#### Task to carry out:
The output is the lines below from the one with "#9=IFCLOCALPLACEMENT($,#2);" through the one with "#20=IFCINDEXEDPOLYGONALFACE((1,3,7,5));", both included, printed exactly and with no other line.

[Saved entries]
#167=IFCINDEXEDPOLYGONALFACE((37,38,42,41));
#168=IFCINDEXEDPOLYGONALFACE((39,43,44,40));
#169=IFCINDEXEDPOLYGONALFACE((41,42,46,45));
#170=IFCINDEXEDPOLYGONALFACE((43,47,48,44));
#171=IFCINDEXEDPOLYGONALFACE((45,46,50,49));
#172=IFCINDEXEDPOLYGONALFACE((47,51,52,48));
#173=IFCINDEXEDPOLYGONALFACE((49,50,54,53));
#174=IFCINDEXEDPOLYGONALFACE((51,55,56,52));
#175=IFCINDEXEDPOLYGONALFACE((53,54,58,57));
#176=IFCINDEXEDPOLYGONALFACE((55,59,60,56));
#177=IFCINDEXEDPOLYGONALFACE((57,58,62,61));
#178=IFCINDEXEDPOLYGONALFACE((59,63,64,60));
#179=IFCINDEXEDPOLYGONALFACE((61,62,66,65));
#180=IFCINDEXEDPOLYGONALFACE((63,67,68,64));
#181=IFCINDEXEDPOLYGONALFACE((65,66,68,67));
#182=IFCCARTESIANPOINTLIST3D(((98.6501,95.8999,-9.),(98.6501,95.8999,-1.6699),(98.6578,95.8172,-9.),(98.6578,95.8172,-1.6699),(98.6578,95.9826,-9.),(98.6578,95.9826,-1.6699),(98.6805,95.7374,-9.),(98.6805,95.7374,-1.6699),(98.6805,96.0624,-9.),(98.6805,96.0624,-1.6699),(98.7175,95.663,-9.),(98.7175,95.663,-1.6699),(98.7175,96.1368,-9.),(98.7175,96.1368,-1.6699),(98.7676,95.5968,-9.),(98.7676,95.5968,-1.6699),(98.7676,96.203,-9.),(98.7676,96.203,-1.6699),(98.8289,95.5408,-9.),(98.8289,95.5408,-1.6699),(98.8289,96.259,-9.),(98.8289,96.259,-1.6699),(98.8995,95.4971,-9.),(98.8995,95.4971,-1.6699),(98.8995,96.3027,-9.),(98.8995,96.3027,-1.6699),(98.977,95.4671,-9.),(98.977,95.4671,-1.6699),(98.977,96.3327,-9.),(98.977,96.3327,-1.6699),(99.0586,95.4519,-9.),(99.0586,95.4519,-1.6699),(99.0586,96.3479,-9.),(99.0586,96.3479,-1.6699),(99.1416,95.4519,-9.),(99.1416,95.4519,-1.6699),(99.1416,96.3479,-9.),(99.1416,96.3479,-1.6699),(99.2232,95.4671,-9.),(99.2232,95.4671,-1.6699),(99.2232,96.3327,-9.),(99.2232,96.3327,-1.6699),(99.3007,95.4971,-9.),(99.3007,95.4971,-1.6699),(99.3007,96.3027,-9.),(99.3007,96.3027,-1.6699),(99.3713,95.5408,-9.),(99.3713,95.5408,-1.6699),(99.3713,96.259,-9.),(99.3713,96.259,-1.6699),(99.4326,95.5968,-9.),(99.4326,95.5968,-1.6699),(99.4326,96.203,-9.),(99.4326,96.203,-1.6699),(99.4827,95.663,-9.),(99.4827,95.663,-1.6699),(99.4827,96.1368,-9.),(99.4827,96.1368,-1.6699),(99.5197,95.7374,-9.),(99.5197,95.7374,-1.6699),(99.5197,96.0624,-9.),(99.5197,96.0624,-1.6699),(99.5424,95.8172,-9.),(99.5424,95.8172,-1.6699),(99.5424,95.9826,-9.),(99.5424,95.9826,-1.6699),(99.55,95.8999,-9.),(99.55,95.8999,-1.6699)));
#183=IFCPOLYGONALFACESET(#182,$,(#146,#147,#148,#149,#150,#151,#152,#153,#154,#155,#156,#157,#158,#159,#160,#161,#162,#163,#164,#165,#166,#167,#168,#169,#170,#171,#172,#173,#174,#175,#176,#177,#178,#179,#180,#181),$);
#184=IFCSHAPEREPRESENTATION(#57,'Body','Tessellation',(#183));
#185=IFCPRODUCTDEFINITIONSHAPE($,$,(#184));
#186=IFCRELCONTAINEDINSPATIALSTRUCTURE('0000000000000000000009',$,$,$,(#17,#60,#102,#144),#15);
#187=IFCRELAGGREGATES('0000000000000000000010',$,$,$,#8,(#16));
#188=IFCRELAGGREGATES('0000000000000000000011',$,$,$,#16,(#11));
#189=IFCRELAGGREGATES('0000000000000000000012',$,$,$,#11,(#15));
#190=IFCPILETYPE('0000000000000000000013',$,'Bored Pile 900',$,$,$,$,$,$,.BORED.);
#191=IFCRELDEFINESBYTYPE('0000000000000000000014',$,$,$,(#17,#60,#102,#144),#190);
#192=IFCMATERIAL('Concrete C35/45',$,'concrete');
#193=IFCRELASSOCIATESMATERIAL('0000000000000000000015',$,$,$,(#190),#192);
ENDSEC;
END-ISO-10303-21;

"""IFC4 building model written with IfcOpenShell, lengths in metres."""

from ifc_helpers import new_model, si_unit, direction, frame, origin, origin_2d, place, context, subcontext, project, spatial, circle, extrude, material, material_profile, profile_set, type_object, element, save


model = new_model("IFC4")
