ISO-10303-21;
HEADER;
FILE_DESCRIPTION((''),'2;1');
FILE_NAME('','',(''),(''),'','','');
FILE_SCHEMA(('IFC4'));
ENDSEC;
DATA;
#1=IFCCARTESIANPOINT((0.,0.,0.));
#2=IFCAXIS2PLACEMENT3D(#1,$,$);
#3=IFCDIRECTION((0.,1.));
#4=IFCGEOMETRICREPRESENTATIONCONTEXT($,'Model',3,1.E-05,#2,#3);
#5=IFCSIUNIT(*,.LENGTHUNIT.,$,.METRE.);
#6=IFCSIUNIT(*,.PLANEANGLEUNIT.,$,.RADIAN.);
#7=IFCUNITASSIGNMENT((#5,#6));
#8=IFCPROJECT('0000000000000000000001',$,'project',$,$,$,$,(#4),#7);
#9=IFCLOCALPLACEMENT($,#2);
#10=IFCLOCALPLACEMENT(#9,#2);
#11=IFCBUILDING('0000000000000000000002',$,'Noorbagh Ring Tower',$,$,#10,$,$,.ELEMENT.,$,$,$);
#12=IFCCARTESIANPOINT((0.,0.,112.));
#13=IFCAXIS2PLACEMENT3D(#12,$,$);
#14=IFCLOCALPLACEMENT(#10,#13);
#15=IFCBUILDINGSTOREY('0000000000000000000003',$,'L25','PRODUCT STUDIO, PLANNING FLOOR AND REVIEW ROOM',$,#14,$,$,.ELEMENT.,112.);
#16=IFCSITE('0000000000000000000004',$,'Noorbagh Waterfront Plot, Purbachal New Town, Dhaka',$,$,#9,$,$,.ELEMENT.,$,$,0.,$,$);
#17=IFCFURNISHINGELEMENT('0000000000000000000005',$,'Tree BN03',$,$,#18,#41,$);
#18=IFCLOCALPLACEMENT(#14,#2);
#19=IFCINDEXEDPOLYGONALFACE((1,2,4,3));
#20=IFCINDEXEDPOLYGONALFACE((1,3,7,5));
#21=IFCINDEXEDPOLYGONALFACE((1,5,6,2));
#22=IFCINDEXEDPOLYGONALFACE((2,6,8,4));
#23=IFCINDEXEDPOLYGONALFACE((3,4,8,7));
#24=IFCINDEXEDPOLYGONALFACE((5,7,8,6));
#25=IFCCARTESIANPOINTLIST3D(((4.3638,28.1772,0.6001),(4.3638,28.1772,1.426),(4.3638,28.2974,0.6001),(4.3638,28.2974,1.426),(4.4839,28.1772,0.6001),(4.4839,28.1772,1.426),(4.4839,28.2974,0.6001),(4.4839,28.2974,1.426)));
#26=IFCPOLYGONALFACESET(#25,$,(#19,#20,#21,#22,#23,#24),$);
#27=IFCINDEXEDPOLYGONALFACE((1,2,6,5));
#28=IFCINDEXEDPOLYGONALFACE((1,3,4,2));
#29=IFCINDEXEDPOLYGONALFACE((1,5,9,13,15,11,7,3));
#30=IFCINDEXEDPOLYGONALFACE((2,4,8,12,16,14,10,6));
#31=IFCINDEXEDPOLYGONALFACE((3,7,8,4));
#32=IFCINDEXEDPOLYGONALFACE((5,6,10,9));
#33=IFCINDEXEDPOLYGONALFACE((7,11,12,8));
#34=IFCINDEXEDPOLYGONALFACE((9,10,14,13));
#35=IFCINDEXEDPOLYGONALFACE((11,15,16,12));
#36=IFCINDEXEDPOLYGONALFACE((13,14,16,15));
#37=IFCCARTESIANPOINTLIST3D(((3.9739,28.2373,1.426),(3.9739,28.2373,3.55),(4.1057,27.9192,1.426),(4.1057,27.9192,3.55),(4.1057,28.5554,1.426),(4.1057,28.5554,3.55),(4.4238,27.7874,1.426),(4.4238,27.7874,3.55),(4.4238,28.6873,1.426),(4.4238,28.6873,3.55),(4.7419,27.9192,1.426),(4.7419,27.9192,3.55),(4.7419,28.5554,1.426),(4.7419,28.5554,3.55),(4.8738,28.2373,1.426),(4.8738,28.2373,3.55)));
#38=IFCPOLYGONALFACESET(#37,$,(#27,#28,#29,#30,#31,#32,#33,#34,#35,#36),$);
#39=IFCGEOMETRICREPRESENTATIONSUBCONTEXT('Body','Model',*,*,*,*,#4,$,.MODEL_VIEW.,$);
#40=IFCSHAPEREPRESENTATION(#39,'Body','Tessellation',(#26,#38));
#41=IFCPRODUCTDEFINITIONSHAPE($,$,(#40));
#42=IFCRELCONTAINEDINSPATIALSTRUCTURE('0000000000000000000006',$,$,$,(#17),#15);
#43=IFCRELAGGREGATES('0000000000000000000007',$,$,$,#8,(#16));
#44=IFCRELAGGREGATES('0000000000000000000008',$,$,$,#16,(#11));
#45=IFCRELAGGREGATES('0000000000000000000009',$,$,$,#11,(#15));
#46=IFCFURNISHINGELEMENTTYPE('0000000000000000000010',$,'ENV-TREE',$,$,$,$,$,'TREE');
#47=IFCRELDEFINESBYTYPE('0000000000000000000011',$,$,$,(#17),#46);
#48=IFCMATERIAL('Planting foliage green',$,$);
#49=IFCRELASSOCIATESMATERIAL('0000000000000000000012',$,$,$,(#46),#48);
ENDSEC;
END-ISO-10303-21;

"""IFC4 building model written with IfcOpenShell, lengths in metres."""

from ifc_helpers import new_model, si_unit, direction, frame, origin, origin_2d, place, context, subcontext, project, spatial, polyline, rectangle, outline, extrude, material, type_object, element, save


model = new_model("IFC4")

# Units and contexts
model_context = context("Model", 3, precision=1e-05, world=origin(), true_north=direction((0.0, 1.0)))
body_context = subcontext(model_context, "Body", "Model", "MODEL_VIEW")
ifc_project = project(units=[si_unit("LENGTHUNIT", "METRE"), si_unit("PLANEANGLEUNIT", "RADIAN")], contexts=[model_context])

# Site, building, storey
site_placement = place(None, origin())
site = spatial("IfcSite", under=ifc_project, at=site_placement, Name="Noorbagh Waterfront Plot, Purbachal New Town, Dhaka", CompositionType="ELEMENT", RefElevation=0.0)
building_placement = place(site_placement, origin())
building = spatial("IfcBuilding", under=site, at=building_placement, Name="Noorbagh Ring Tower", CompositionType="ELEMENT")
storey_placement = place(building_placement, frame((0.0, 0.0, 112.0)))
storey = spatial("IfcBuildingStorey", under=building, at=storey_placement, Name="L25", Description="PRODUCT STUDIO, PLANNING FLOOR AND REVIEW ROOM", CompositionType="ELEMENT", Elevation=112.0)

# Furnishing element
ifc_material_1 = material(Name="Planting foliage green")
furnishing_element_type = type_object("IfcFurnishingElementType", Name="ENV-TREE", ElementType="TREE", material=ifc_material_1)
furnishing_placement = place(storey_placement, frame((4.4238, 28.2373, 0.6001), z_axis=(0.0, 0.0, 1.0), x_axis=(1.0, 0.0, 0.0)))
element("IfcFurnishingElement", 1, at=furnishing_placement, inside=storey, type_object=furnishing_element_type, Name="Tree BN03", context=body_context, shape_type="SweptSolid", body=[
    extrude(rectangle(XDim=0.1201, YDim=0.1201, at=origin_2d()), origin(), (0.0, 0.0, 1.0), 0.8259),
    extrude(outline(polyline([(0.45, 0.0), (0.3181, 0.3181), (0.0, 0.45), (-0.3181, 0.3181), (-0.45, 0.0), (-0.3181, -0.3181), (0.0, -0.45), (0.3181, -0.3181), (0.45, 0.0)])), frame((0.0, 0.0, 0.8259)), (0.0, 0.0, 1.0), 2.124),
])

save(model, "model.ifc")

#### Solution for this problem:
#9=IFCLOCALPLACEMENT($,#2);
#10=IFCLOCALPLACEMENT(#9,#2);
#11=IFCBUILDING('0000000000000000000002',$,'Noorbagh Ring Tower',$,$,#10,$,$,.ELEMENT.,$,$,$);
#12=IFCCARTESIANPOINT((0.,0.,112.));
#13=IFCAXIS2PLACEMENT3D(#12,$,$);
#14=IFCLOCALPLACEMENT(#10,#13);
#15=IFCBUILDINGSTOREY('0000000000000000000003',$,'L25','PRODUCT STUDIO, PLANNING FLOOR AND REVIEW ROOM',$,#14,$,$,.ELEMENT.,112.);
#16=IFCSITE('0000000000000000000004',$,'Noorbagh Waterfront Plot, Purbachal New Town, Dhaka',$,$,#9,$,$,.ELEMENT.,$,$,0.,$,$);
#17=IFCFURNISHINGELEMENT('0000000000000000000005',$,'Tree BN03',$,$,#18,#41,$);
#18=IFCLOCALPLACEMENT(#14,#2);
#19=IFCINDEXEDPOLYGONALFACE((1,2,4,3));
#20=IFCINDEXEDPOLYGONALFACE((1,3,7,5));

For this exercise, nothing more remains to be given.